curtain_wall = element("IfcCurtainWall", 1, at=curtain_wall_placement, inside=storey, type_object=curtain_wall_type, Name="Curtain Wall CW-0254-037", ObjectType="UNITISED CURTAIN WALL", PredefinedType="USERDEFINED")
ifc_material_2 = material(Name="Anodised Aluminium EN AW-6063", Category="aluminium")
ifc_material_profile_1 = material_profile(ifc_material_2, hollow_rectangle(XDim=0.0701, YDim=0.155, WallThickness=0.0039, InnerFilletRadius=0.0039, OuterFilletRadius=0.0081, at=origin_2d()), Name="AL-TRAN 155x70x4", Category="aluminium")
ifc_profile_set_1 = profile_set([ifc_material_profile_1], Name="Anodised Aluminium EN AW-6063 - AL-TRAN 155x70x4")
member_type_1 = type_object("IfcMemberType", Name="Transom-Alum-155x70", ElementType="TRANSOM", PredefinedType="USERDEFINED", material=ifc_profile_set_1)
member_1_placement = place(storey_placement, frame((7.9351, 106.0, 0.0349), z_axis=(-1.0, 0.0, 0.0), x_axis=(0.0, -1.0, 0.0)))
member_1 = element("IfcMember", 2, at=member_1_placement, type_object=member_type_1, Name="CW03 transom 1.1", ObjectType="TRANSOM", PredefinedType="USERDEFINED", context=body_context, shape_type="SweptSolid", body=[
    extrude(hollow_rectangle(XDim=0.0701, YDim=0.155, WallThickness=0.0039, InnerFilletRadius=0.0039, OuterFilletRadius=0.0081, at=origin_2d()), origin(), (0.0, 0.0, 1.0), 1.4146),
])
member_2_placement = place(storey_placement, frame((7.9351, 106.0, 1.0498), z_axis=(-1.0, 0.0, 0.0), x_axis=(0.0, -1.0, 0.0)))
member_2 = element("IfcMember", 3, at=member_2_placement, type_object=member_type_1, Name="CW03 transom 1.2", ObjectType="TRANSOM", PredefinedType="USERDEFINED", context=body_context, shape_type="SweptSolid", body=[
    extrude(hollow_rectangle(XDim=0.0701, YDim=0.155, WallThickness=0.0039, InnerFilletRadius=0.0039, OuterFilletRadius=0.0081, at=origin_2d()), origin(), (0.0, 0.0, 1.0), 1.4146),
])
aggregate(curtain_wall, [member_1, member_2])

==

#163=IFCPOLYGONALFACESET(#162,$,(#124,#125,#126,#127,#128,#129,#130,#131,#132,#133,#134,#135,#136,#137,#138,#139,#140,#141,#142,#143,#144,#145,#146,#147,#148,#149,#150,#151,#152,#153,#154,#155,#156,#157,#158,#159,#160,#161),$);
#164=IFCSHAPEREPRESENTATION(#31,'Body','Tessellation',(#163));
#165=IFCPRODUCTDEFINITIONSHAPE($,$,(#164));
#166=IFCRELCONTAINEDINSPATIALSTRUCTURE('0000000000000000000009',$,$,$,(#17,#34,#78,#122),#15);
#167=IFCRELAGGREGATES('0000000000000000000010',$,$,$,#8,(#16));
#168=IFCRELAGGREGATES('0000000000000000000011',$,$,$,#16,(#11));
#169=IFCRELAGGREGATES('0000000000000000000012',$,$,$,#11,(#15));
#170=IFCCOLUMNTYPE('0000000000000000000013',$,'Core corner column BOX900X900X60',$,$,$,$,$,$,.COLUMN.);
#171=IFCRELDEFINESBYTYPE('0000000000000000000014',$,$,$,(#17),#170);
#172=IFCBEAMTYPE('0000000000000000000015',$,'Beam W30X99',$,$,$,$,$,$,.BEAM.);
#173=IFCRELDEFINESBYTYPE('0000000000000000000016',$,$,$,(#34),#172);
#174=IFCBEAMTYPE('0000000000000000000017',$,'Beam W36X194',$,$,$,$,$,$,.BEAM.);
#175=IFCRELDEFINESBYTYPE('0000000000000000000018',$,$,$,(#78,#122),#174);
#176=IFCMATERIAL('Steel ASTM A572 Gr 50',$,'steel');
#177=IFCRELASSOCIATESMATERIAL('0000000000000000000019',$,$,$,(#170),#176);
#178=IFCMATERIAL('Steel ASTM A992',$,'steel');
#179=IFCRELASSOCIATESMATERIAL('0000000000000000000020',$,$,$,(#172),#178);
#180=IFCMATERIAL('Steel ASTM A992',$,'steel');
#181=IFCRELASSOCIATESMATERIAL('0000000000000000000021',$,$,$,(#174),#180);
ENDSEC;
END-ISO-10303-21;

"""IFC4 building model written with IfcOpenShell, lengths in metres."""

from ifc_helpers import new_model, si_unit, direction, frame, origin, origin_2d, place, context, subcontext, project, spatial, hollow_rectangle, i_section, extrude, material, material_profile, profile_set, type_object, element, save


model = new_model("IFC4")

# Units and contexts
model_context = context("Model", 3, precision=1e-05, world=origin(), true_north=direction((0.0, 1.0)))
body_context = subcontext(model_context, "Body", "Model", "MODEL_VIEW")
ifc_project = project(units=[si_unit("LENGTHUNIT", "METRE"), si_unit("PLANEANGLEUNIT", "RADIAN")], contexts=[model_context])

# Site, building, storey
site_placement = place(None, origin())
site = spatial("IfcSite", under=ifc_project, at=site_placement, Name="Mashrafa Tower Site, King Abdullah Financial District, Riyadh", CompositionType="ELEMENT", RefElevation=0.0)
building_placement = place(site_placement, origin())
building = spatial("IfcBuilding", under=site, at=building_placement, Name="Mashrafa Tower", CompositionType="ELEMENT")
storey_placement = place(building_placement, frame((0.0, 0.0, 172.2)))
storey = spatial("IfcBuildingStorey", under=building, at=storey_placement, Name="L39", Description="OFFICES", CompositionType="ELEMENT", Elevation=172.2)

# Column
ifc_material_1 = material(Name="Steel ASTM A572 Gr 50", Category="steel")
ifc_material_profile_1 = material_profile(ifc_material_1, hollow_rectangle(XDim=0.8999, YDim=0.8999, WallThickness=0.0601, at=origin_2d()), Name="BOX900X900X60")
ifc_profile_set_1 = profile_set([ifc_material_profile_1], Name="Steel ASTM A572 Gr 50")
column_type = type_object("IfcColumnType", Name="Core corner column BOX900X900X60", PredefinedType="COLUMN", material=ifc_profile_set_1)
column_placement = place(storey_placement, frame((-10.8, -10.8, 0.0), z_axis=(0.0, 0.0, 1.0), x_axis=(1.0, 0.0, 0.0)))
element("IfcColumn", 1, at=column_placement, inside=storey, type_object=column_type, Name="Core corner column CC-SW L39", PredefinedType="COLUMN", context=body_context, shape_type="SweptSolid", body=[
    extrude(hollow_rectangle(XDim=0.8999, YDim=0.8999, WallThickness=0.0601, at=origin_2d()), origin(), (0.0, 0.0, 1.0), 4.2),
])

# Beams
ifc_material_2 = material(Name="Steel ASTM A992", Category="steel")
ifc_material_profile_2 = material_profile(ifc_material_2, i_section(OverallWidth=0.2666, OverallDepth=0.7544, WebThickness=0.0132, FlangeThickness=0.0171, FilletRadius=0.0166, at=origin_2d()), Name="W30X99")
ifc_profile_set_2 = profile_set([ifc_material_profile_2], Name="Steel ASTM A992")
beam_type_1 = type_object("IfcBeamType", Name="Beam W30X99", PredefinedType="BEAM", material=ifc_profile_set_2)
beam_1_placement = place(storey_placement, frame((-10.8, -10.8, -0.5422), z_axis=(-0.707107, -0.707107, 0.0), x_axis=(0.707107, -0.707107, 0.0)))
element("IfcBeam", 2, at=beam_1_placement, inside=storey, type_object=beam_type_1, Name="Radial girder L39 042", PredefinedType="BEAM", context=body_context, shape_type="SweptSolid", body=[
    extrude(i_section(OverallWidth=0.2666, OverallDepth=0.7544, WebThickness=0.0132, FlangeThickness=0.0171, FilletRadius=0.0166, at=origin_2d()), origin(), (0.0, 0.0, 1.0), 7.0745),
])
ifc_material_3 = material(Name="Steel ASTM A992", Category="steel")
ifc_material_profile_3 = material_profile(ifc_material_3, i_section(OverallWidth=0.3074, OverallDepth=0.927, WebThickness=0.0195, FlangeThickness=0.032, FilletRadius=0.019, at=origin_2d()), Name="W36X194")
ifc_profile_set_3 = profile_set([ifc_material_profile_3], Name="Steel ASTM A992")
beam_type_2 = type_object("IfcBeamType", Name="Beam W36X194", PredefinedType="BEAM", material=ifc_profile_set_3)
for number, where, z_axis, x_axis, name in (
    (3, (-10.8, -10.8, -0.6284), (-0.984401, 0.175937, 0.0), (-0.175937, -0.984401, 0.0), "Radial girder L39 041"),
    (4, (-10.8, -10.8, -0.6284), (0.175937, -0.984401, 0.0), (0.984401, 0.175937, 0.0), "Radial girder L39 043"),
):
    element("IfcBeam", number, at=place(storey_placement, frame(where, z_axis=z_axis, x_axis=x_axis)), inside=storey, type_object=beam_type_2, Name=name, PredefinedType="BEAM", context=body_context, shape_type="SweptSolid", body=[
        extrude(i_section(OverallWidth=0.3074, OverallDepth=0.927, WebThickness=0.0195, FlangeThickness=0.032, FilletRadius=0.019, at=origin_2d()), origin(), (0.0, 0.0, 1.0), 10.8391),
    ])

## Activity
Where does the string "inside" occur in the data above? Copy every line that holds it.

## Output
curtain_wall = element("IfcCurtainWall", 1, at=curtain_wall_placement, inside=storey, type_object=curtain_wall_type, Name="Curtain Wall CW-0254-037", ObjectType="UNITISED CURTAIN WALL", PredefinedType="USERDEFINED")
element("IfcColumn", 1, at=column_placement, inside=storey, type_object=column_type, Name="Core corner column CC-SW L39", PredefinedType="COLUMN", context=body_context, shape_type="SweptSolid", body=[
element("IfcBeam", 2, at=beam_1_placement, inside=storey, type_object=beam_type_1, Name="Radial girder L39 042", PredefinedType="BEAM", context=body_context, shape_type="SweptSolid", body=[
    element("IfcBeam", number, at=place(storey_placement, frame(where, z_axis=z_axis, x_axis=x_axis)), inside=storey, type_object=beam_type_2, Name=name, PredefinedType="BEAM", context=body_context, shape_type="SweptSolid", body=[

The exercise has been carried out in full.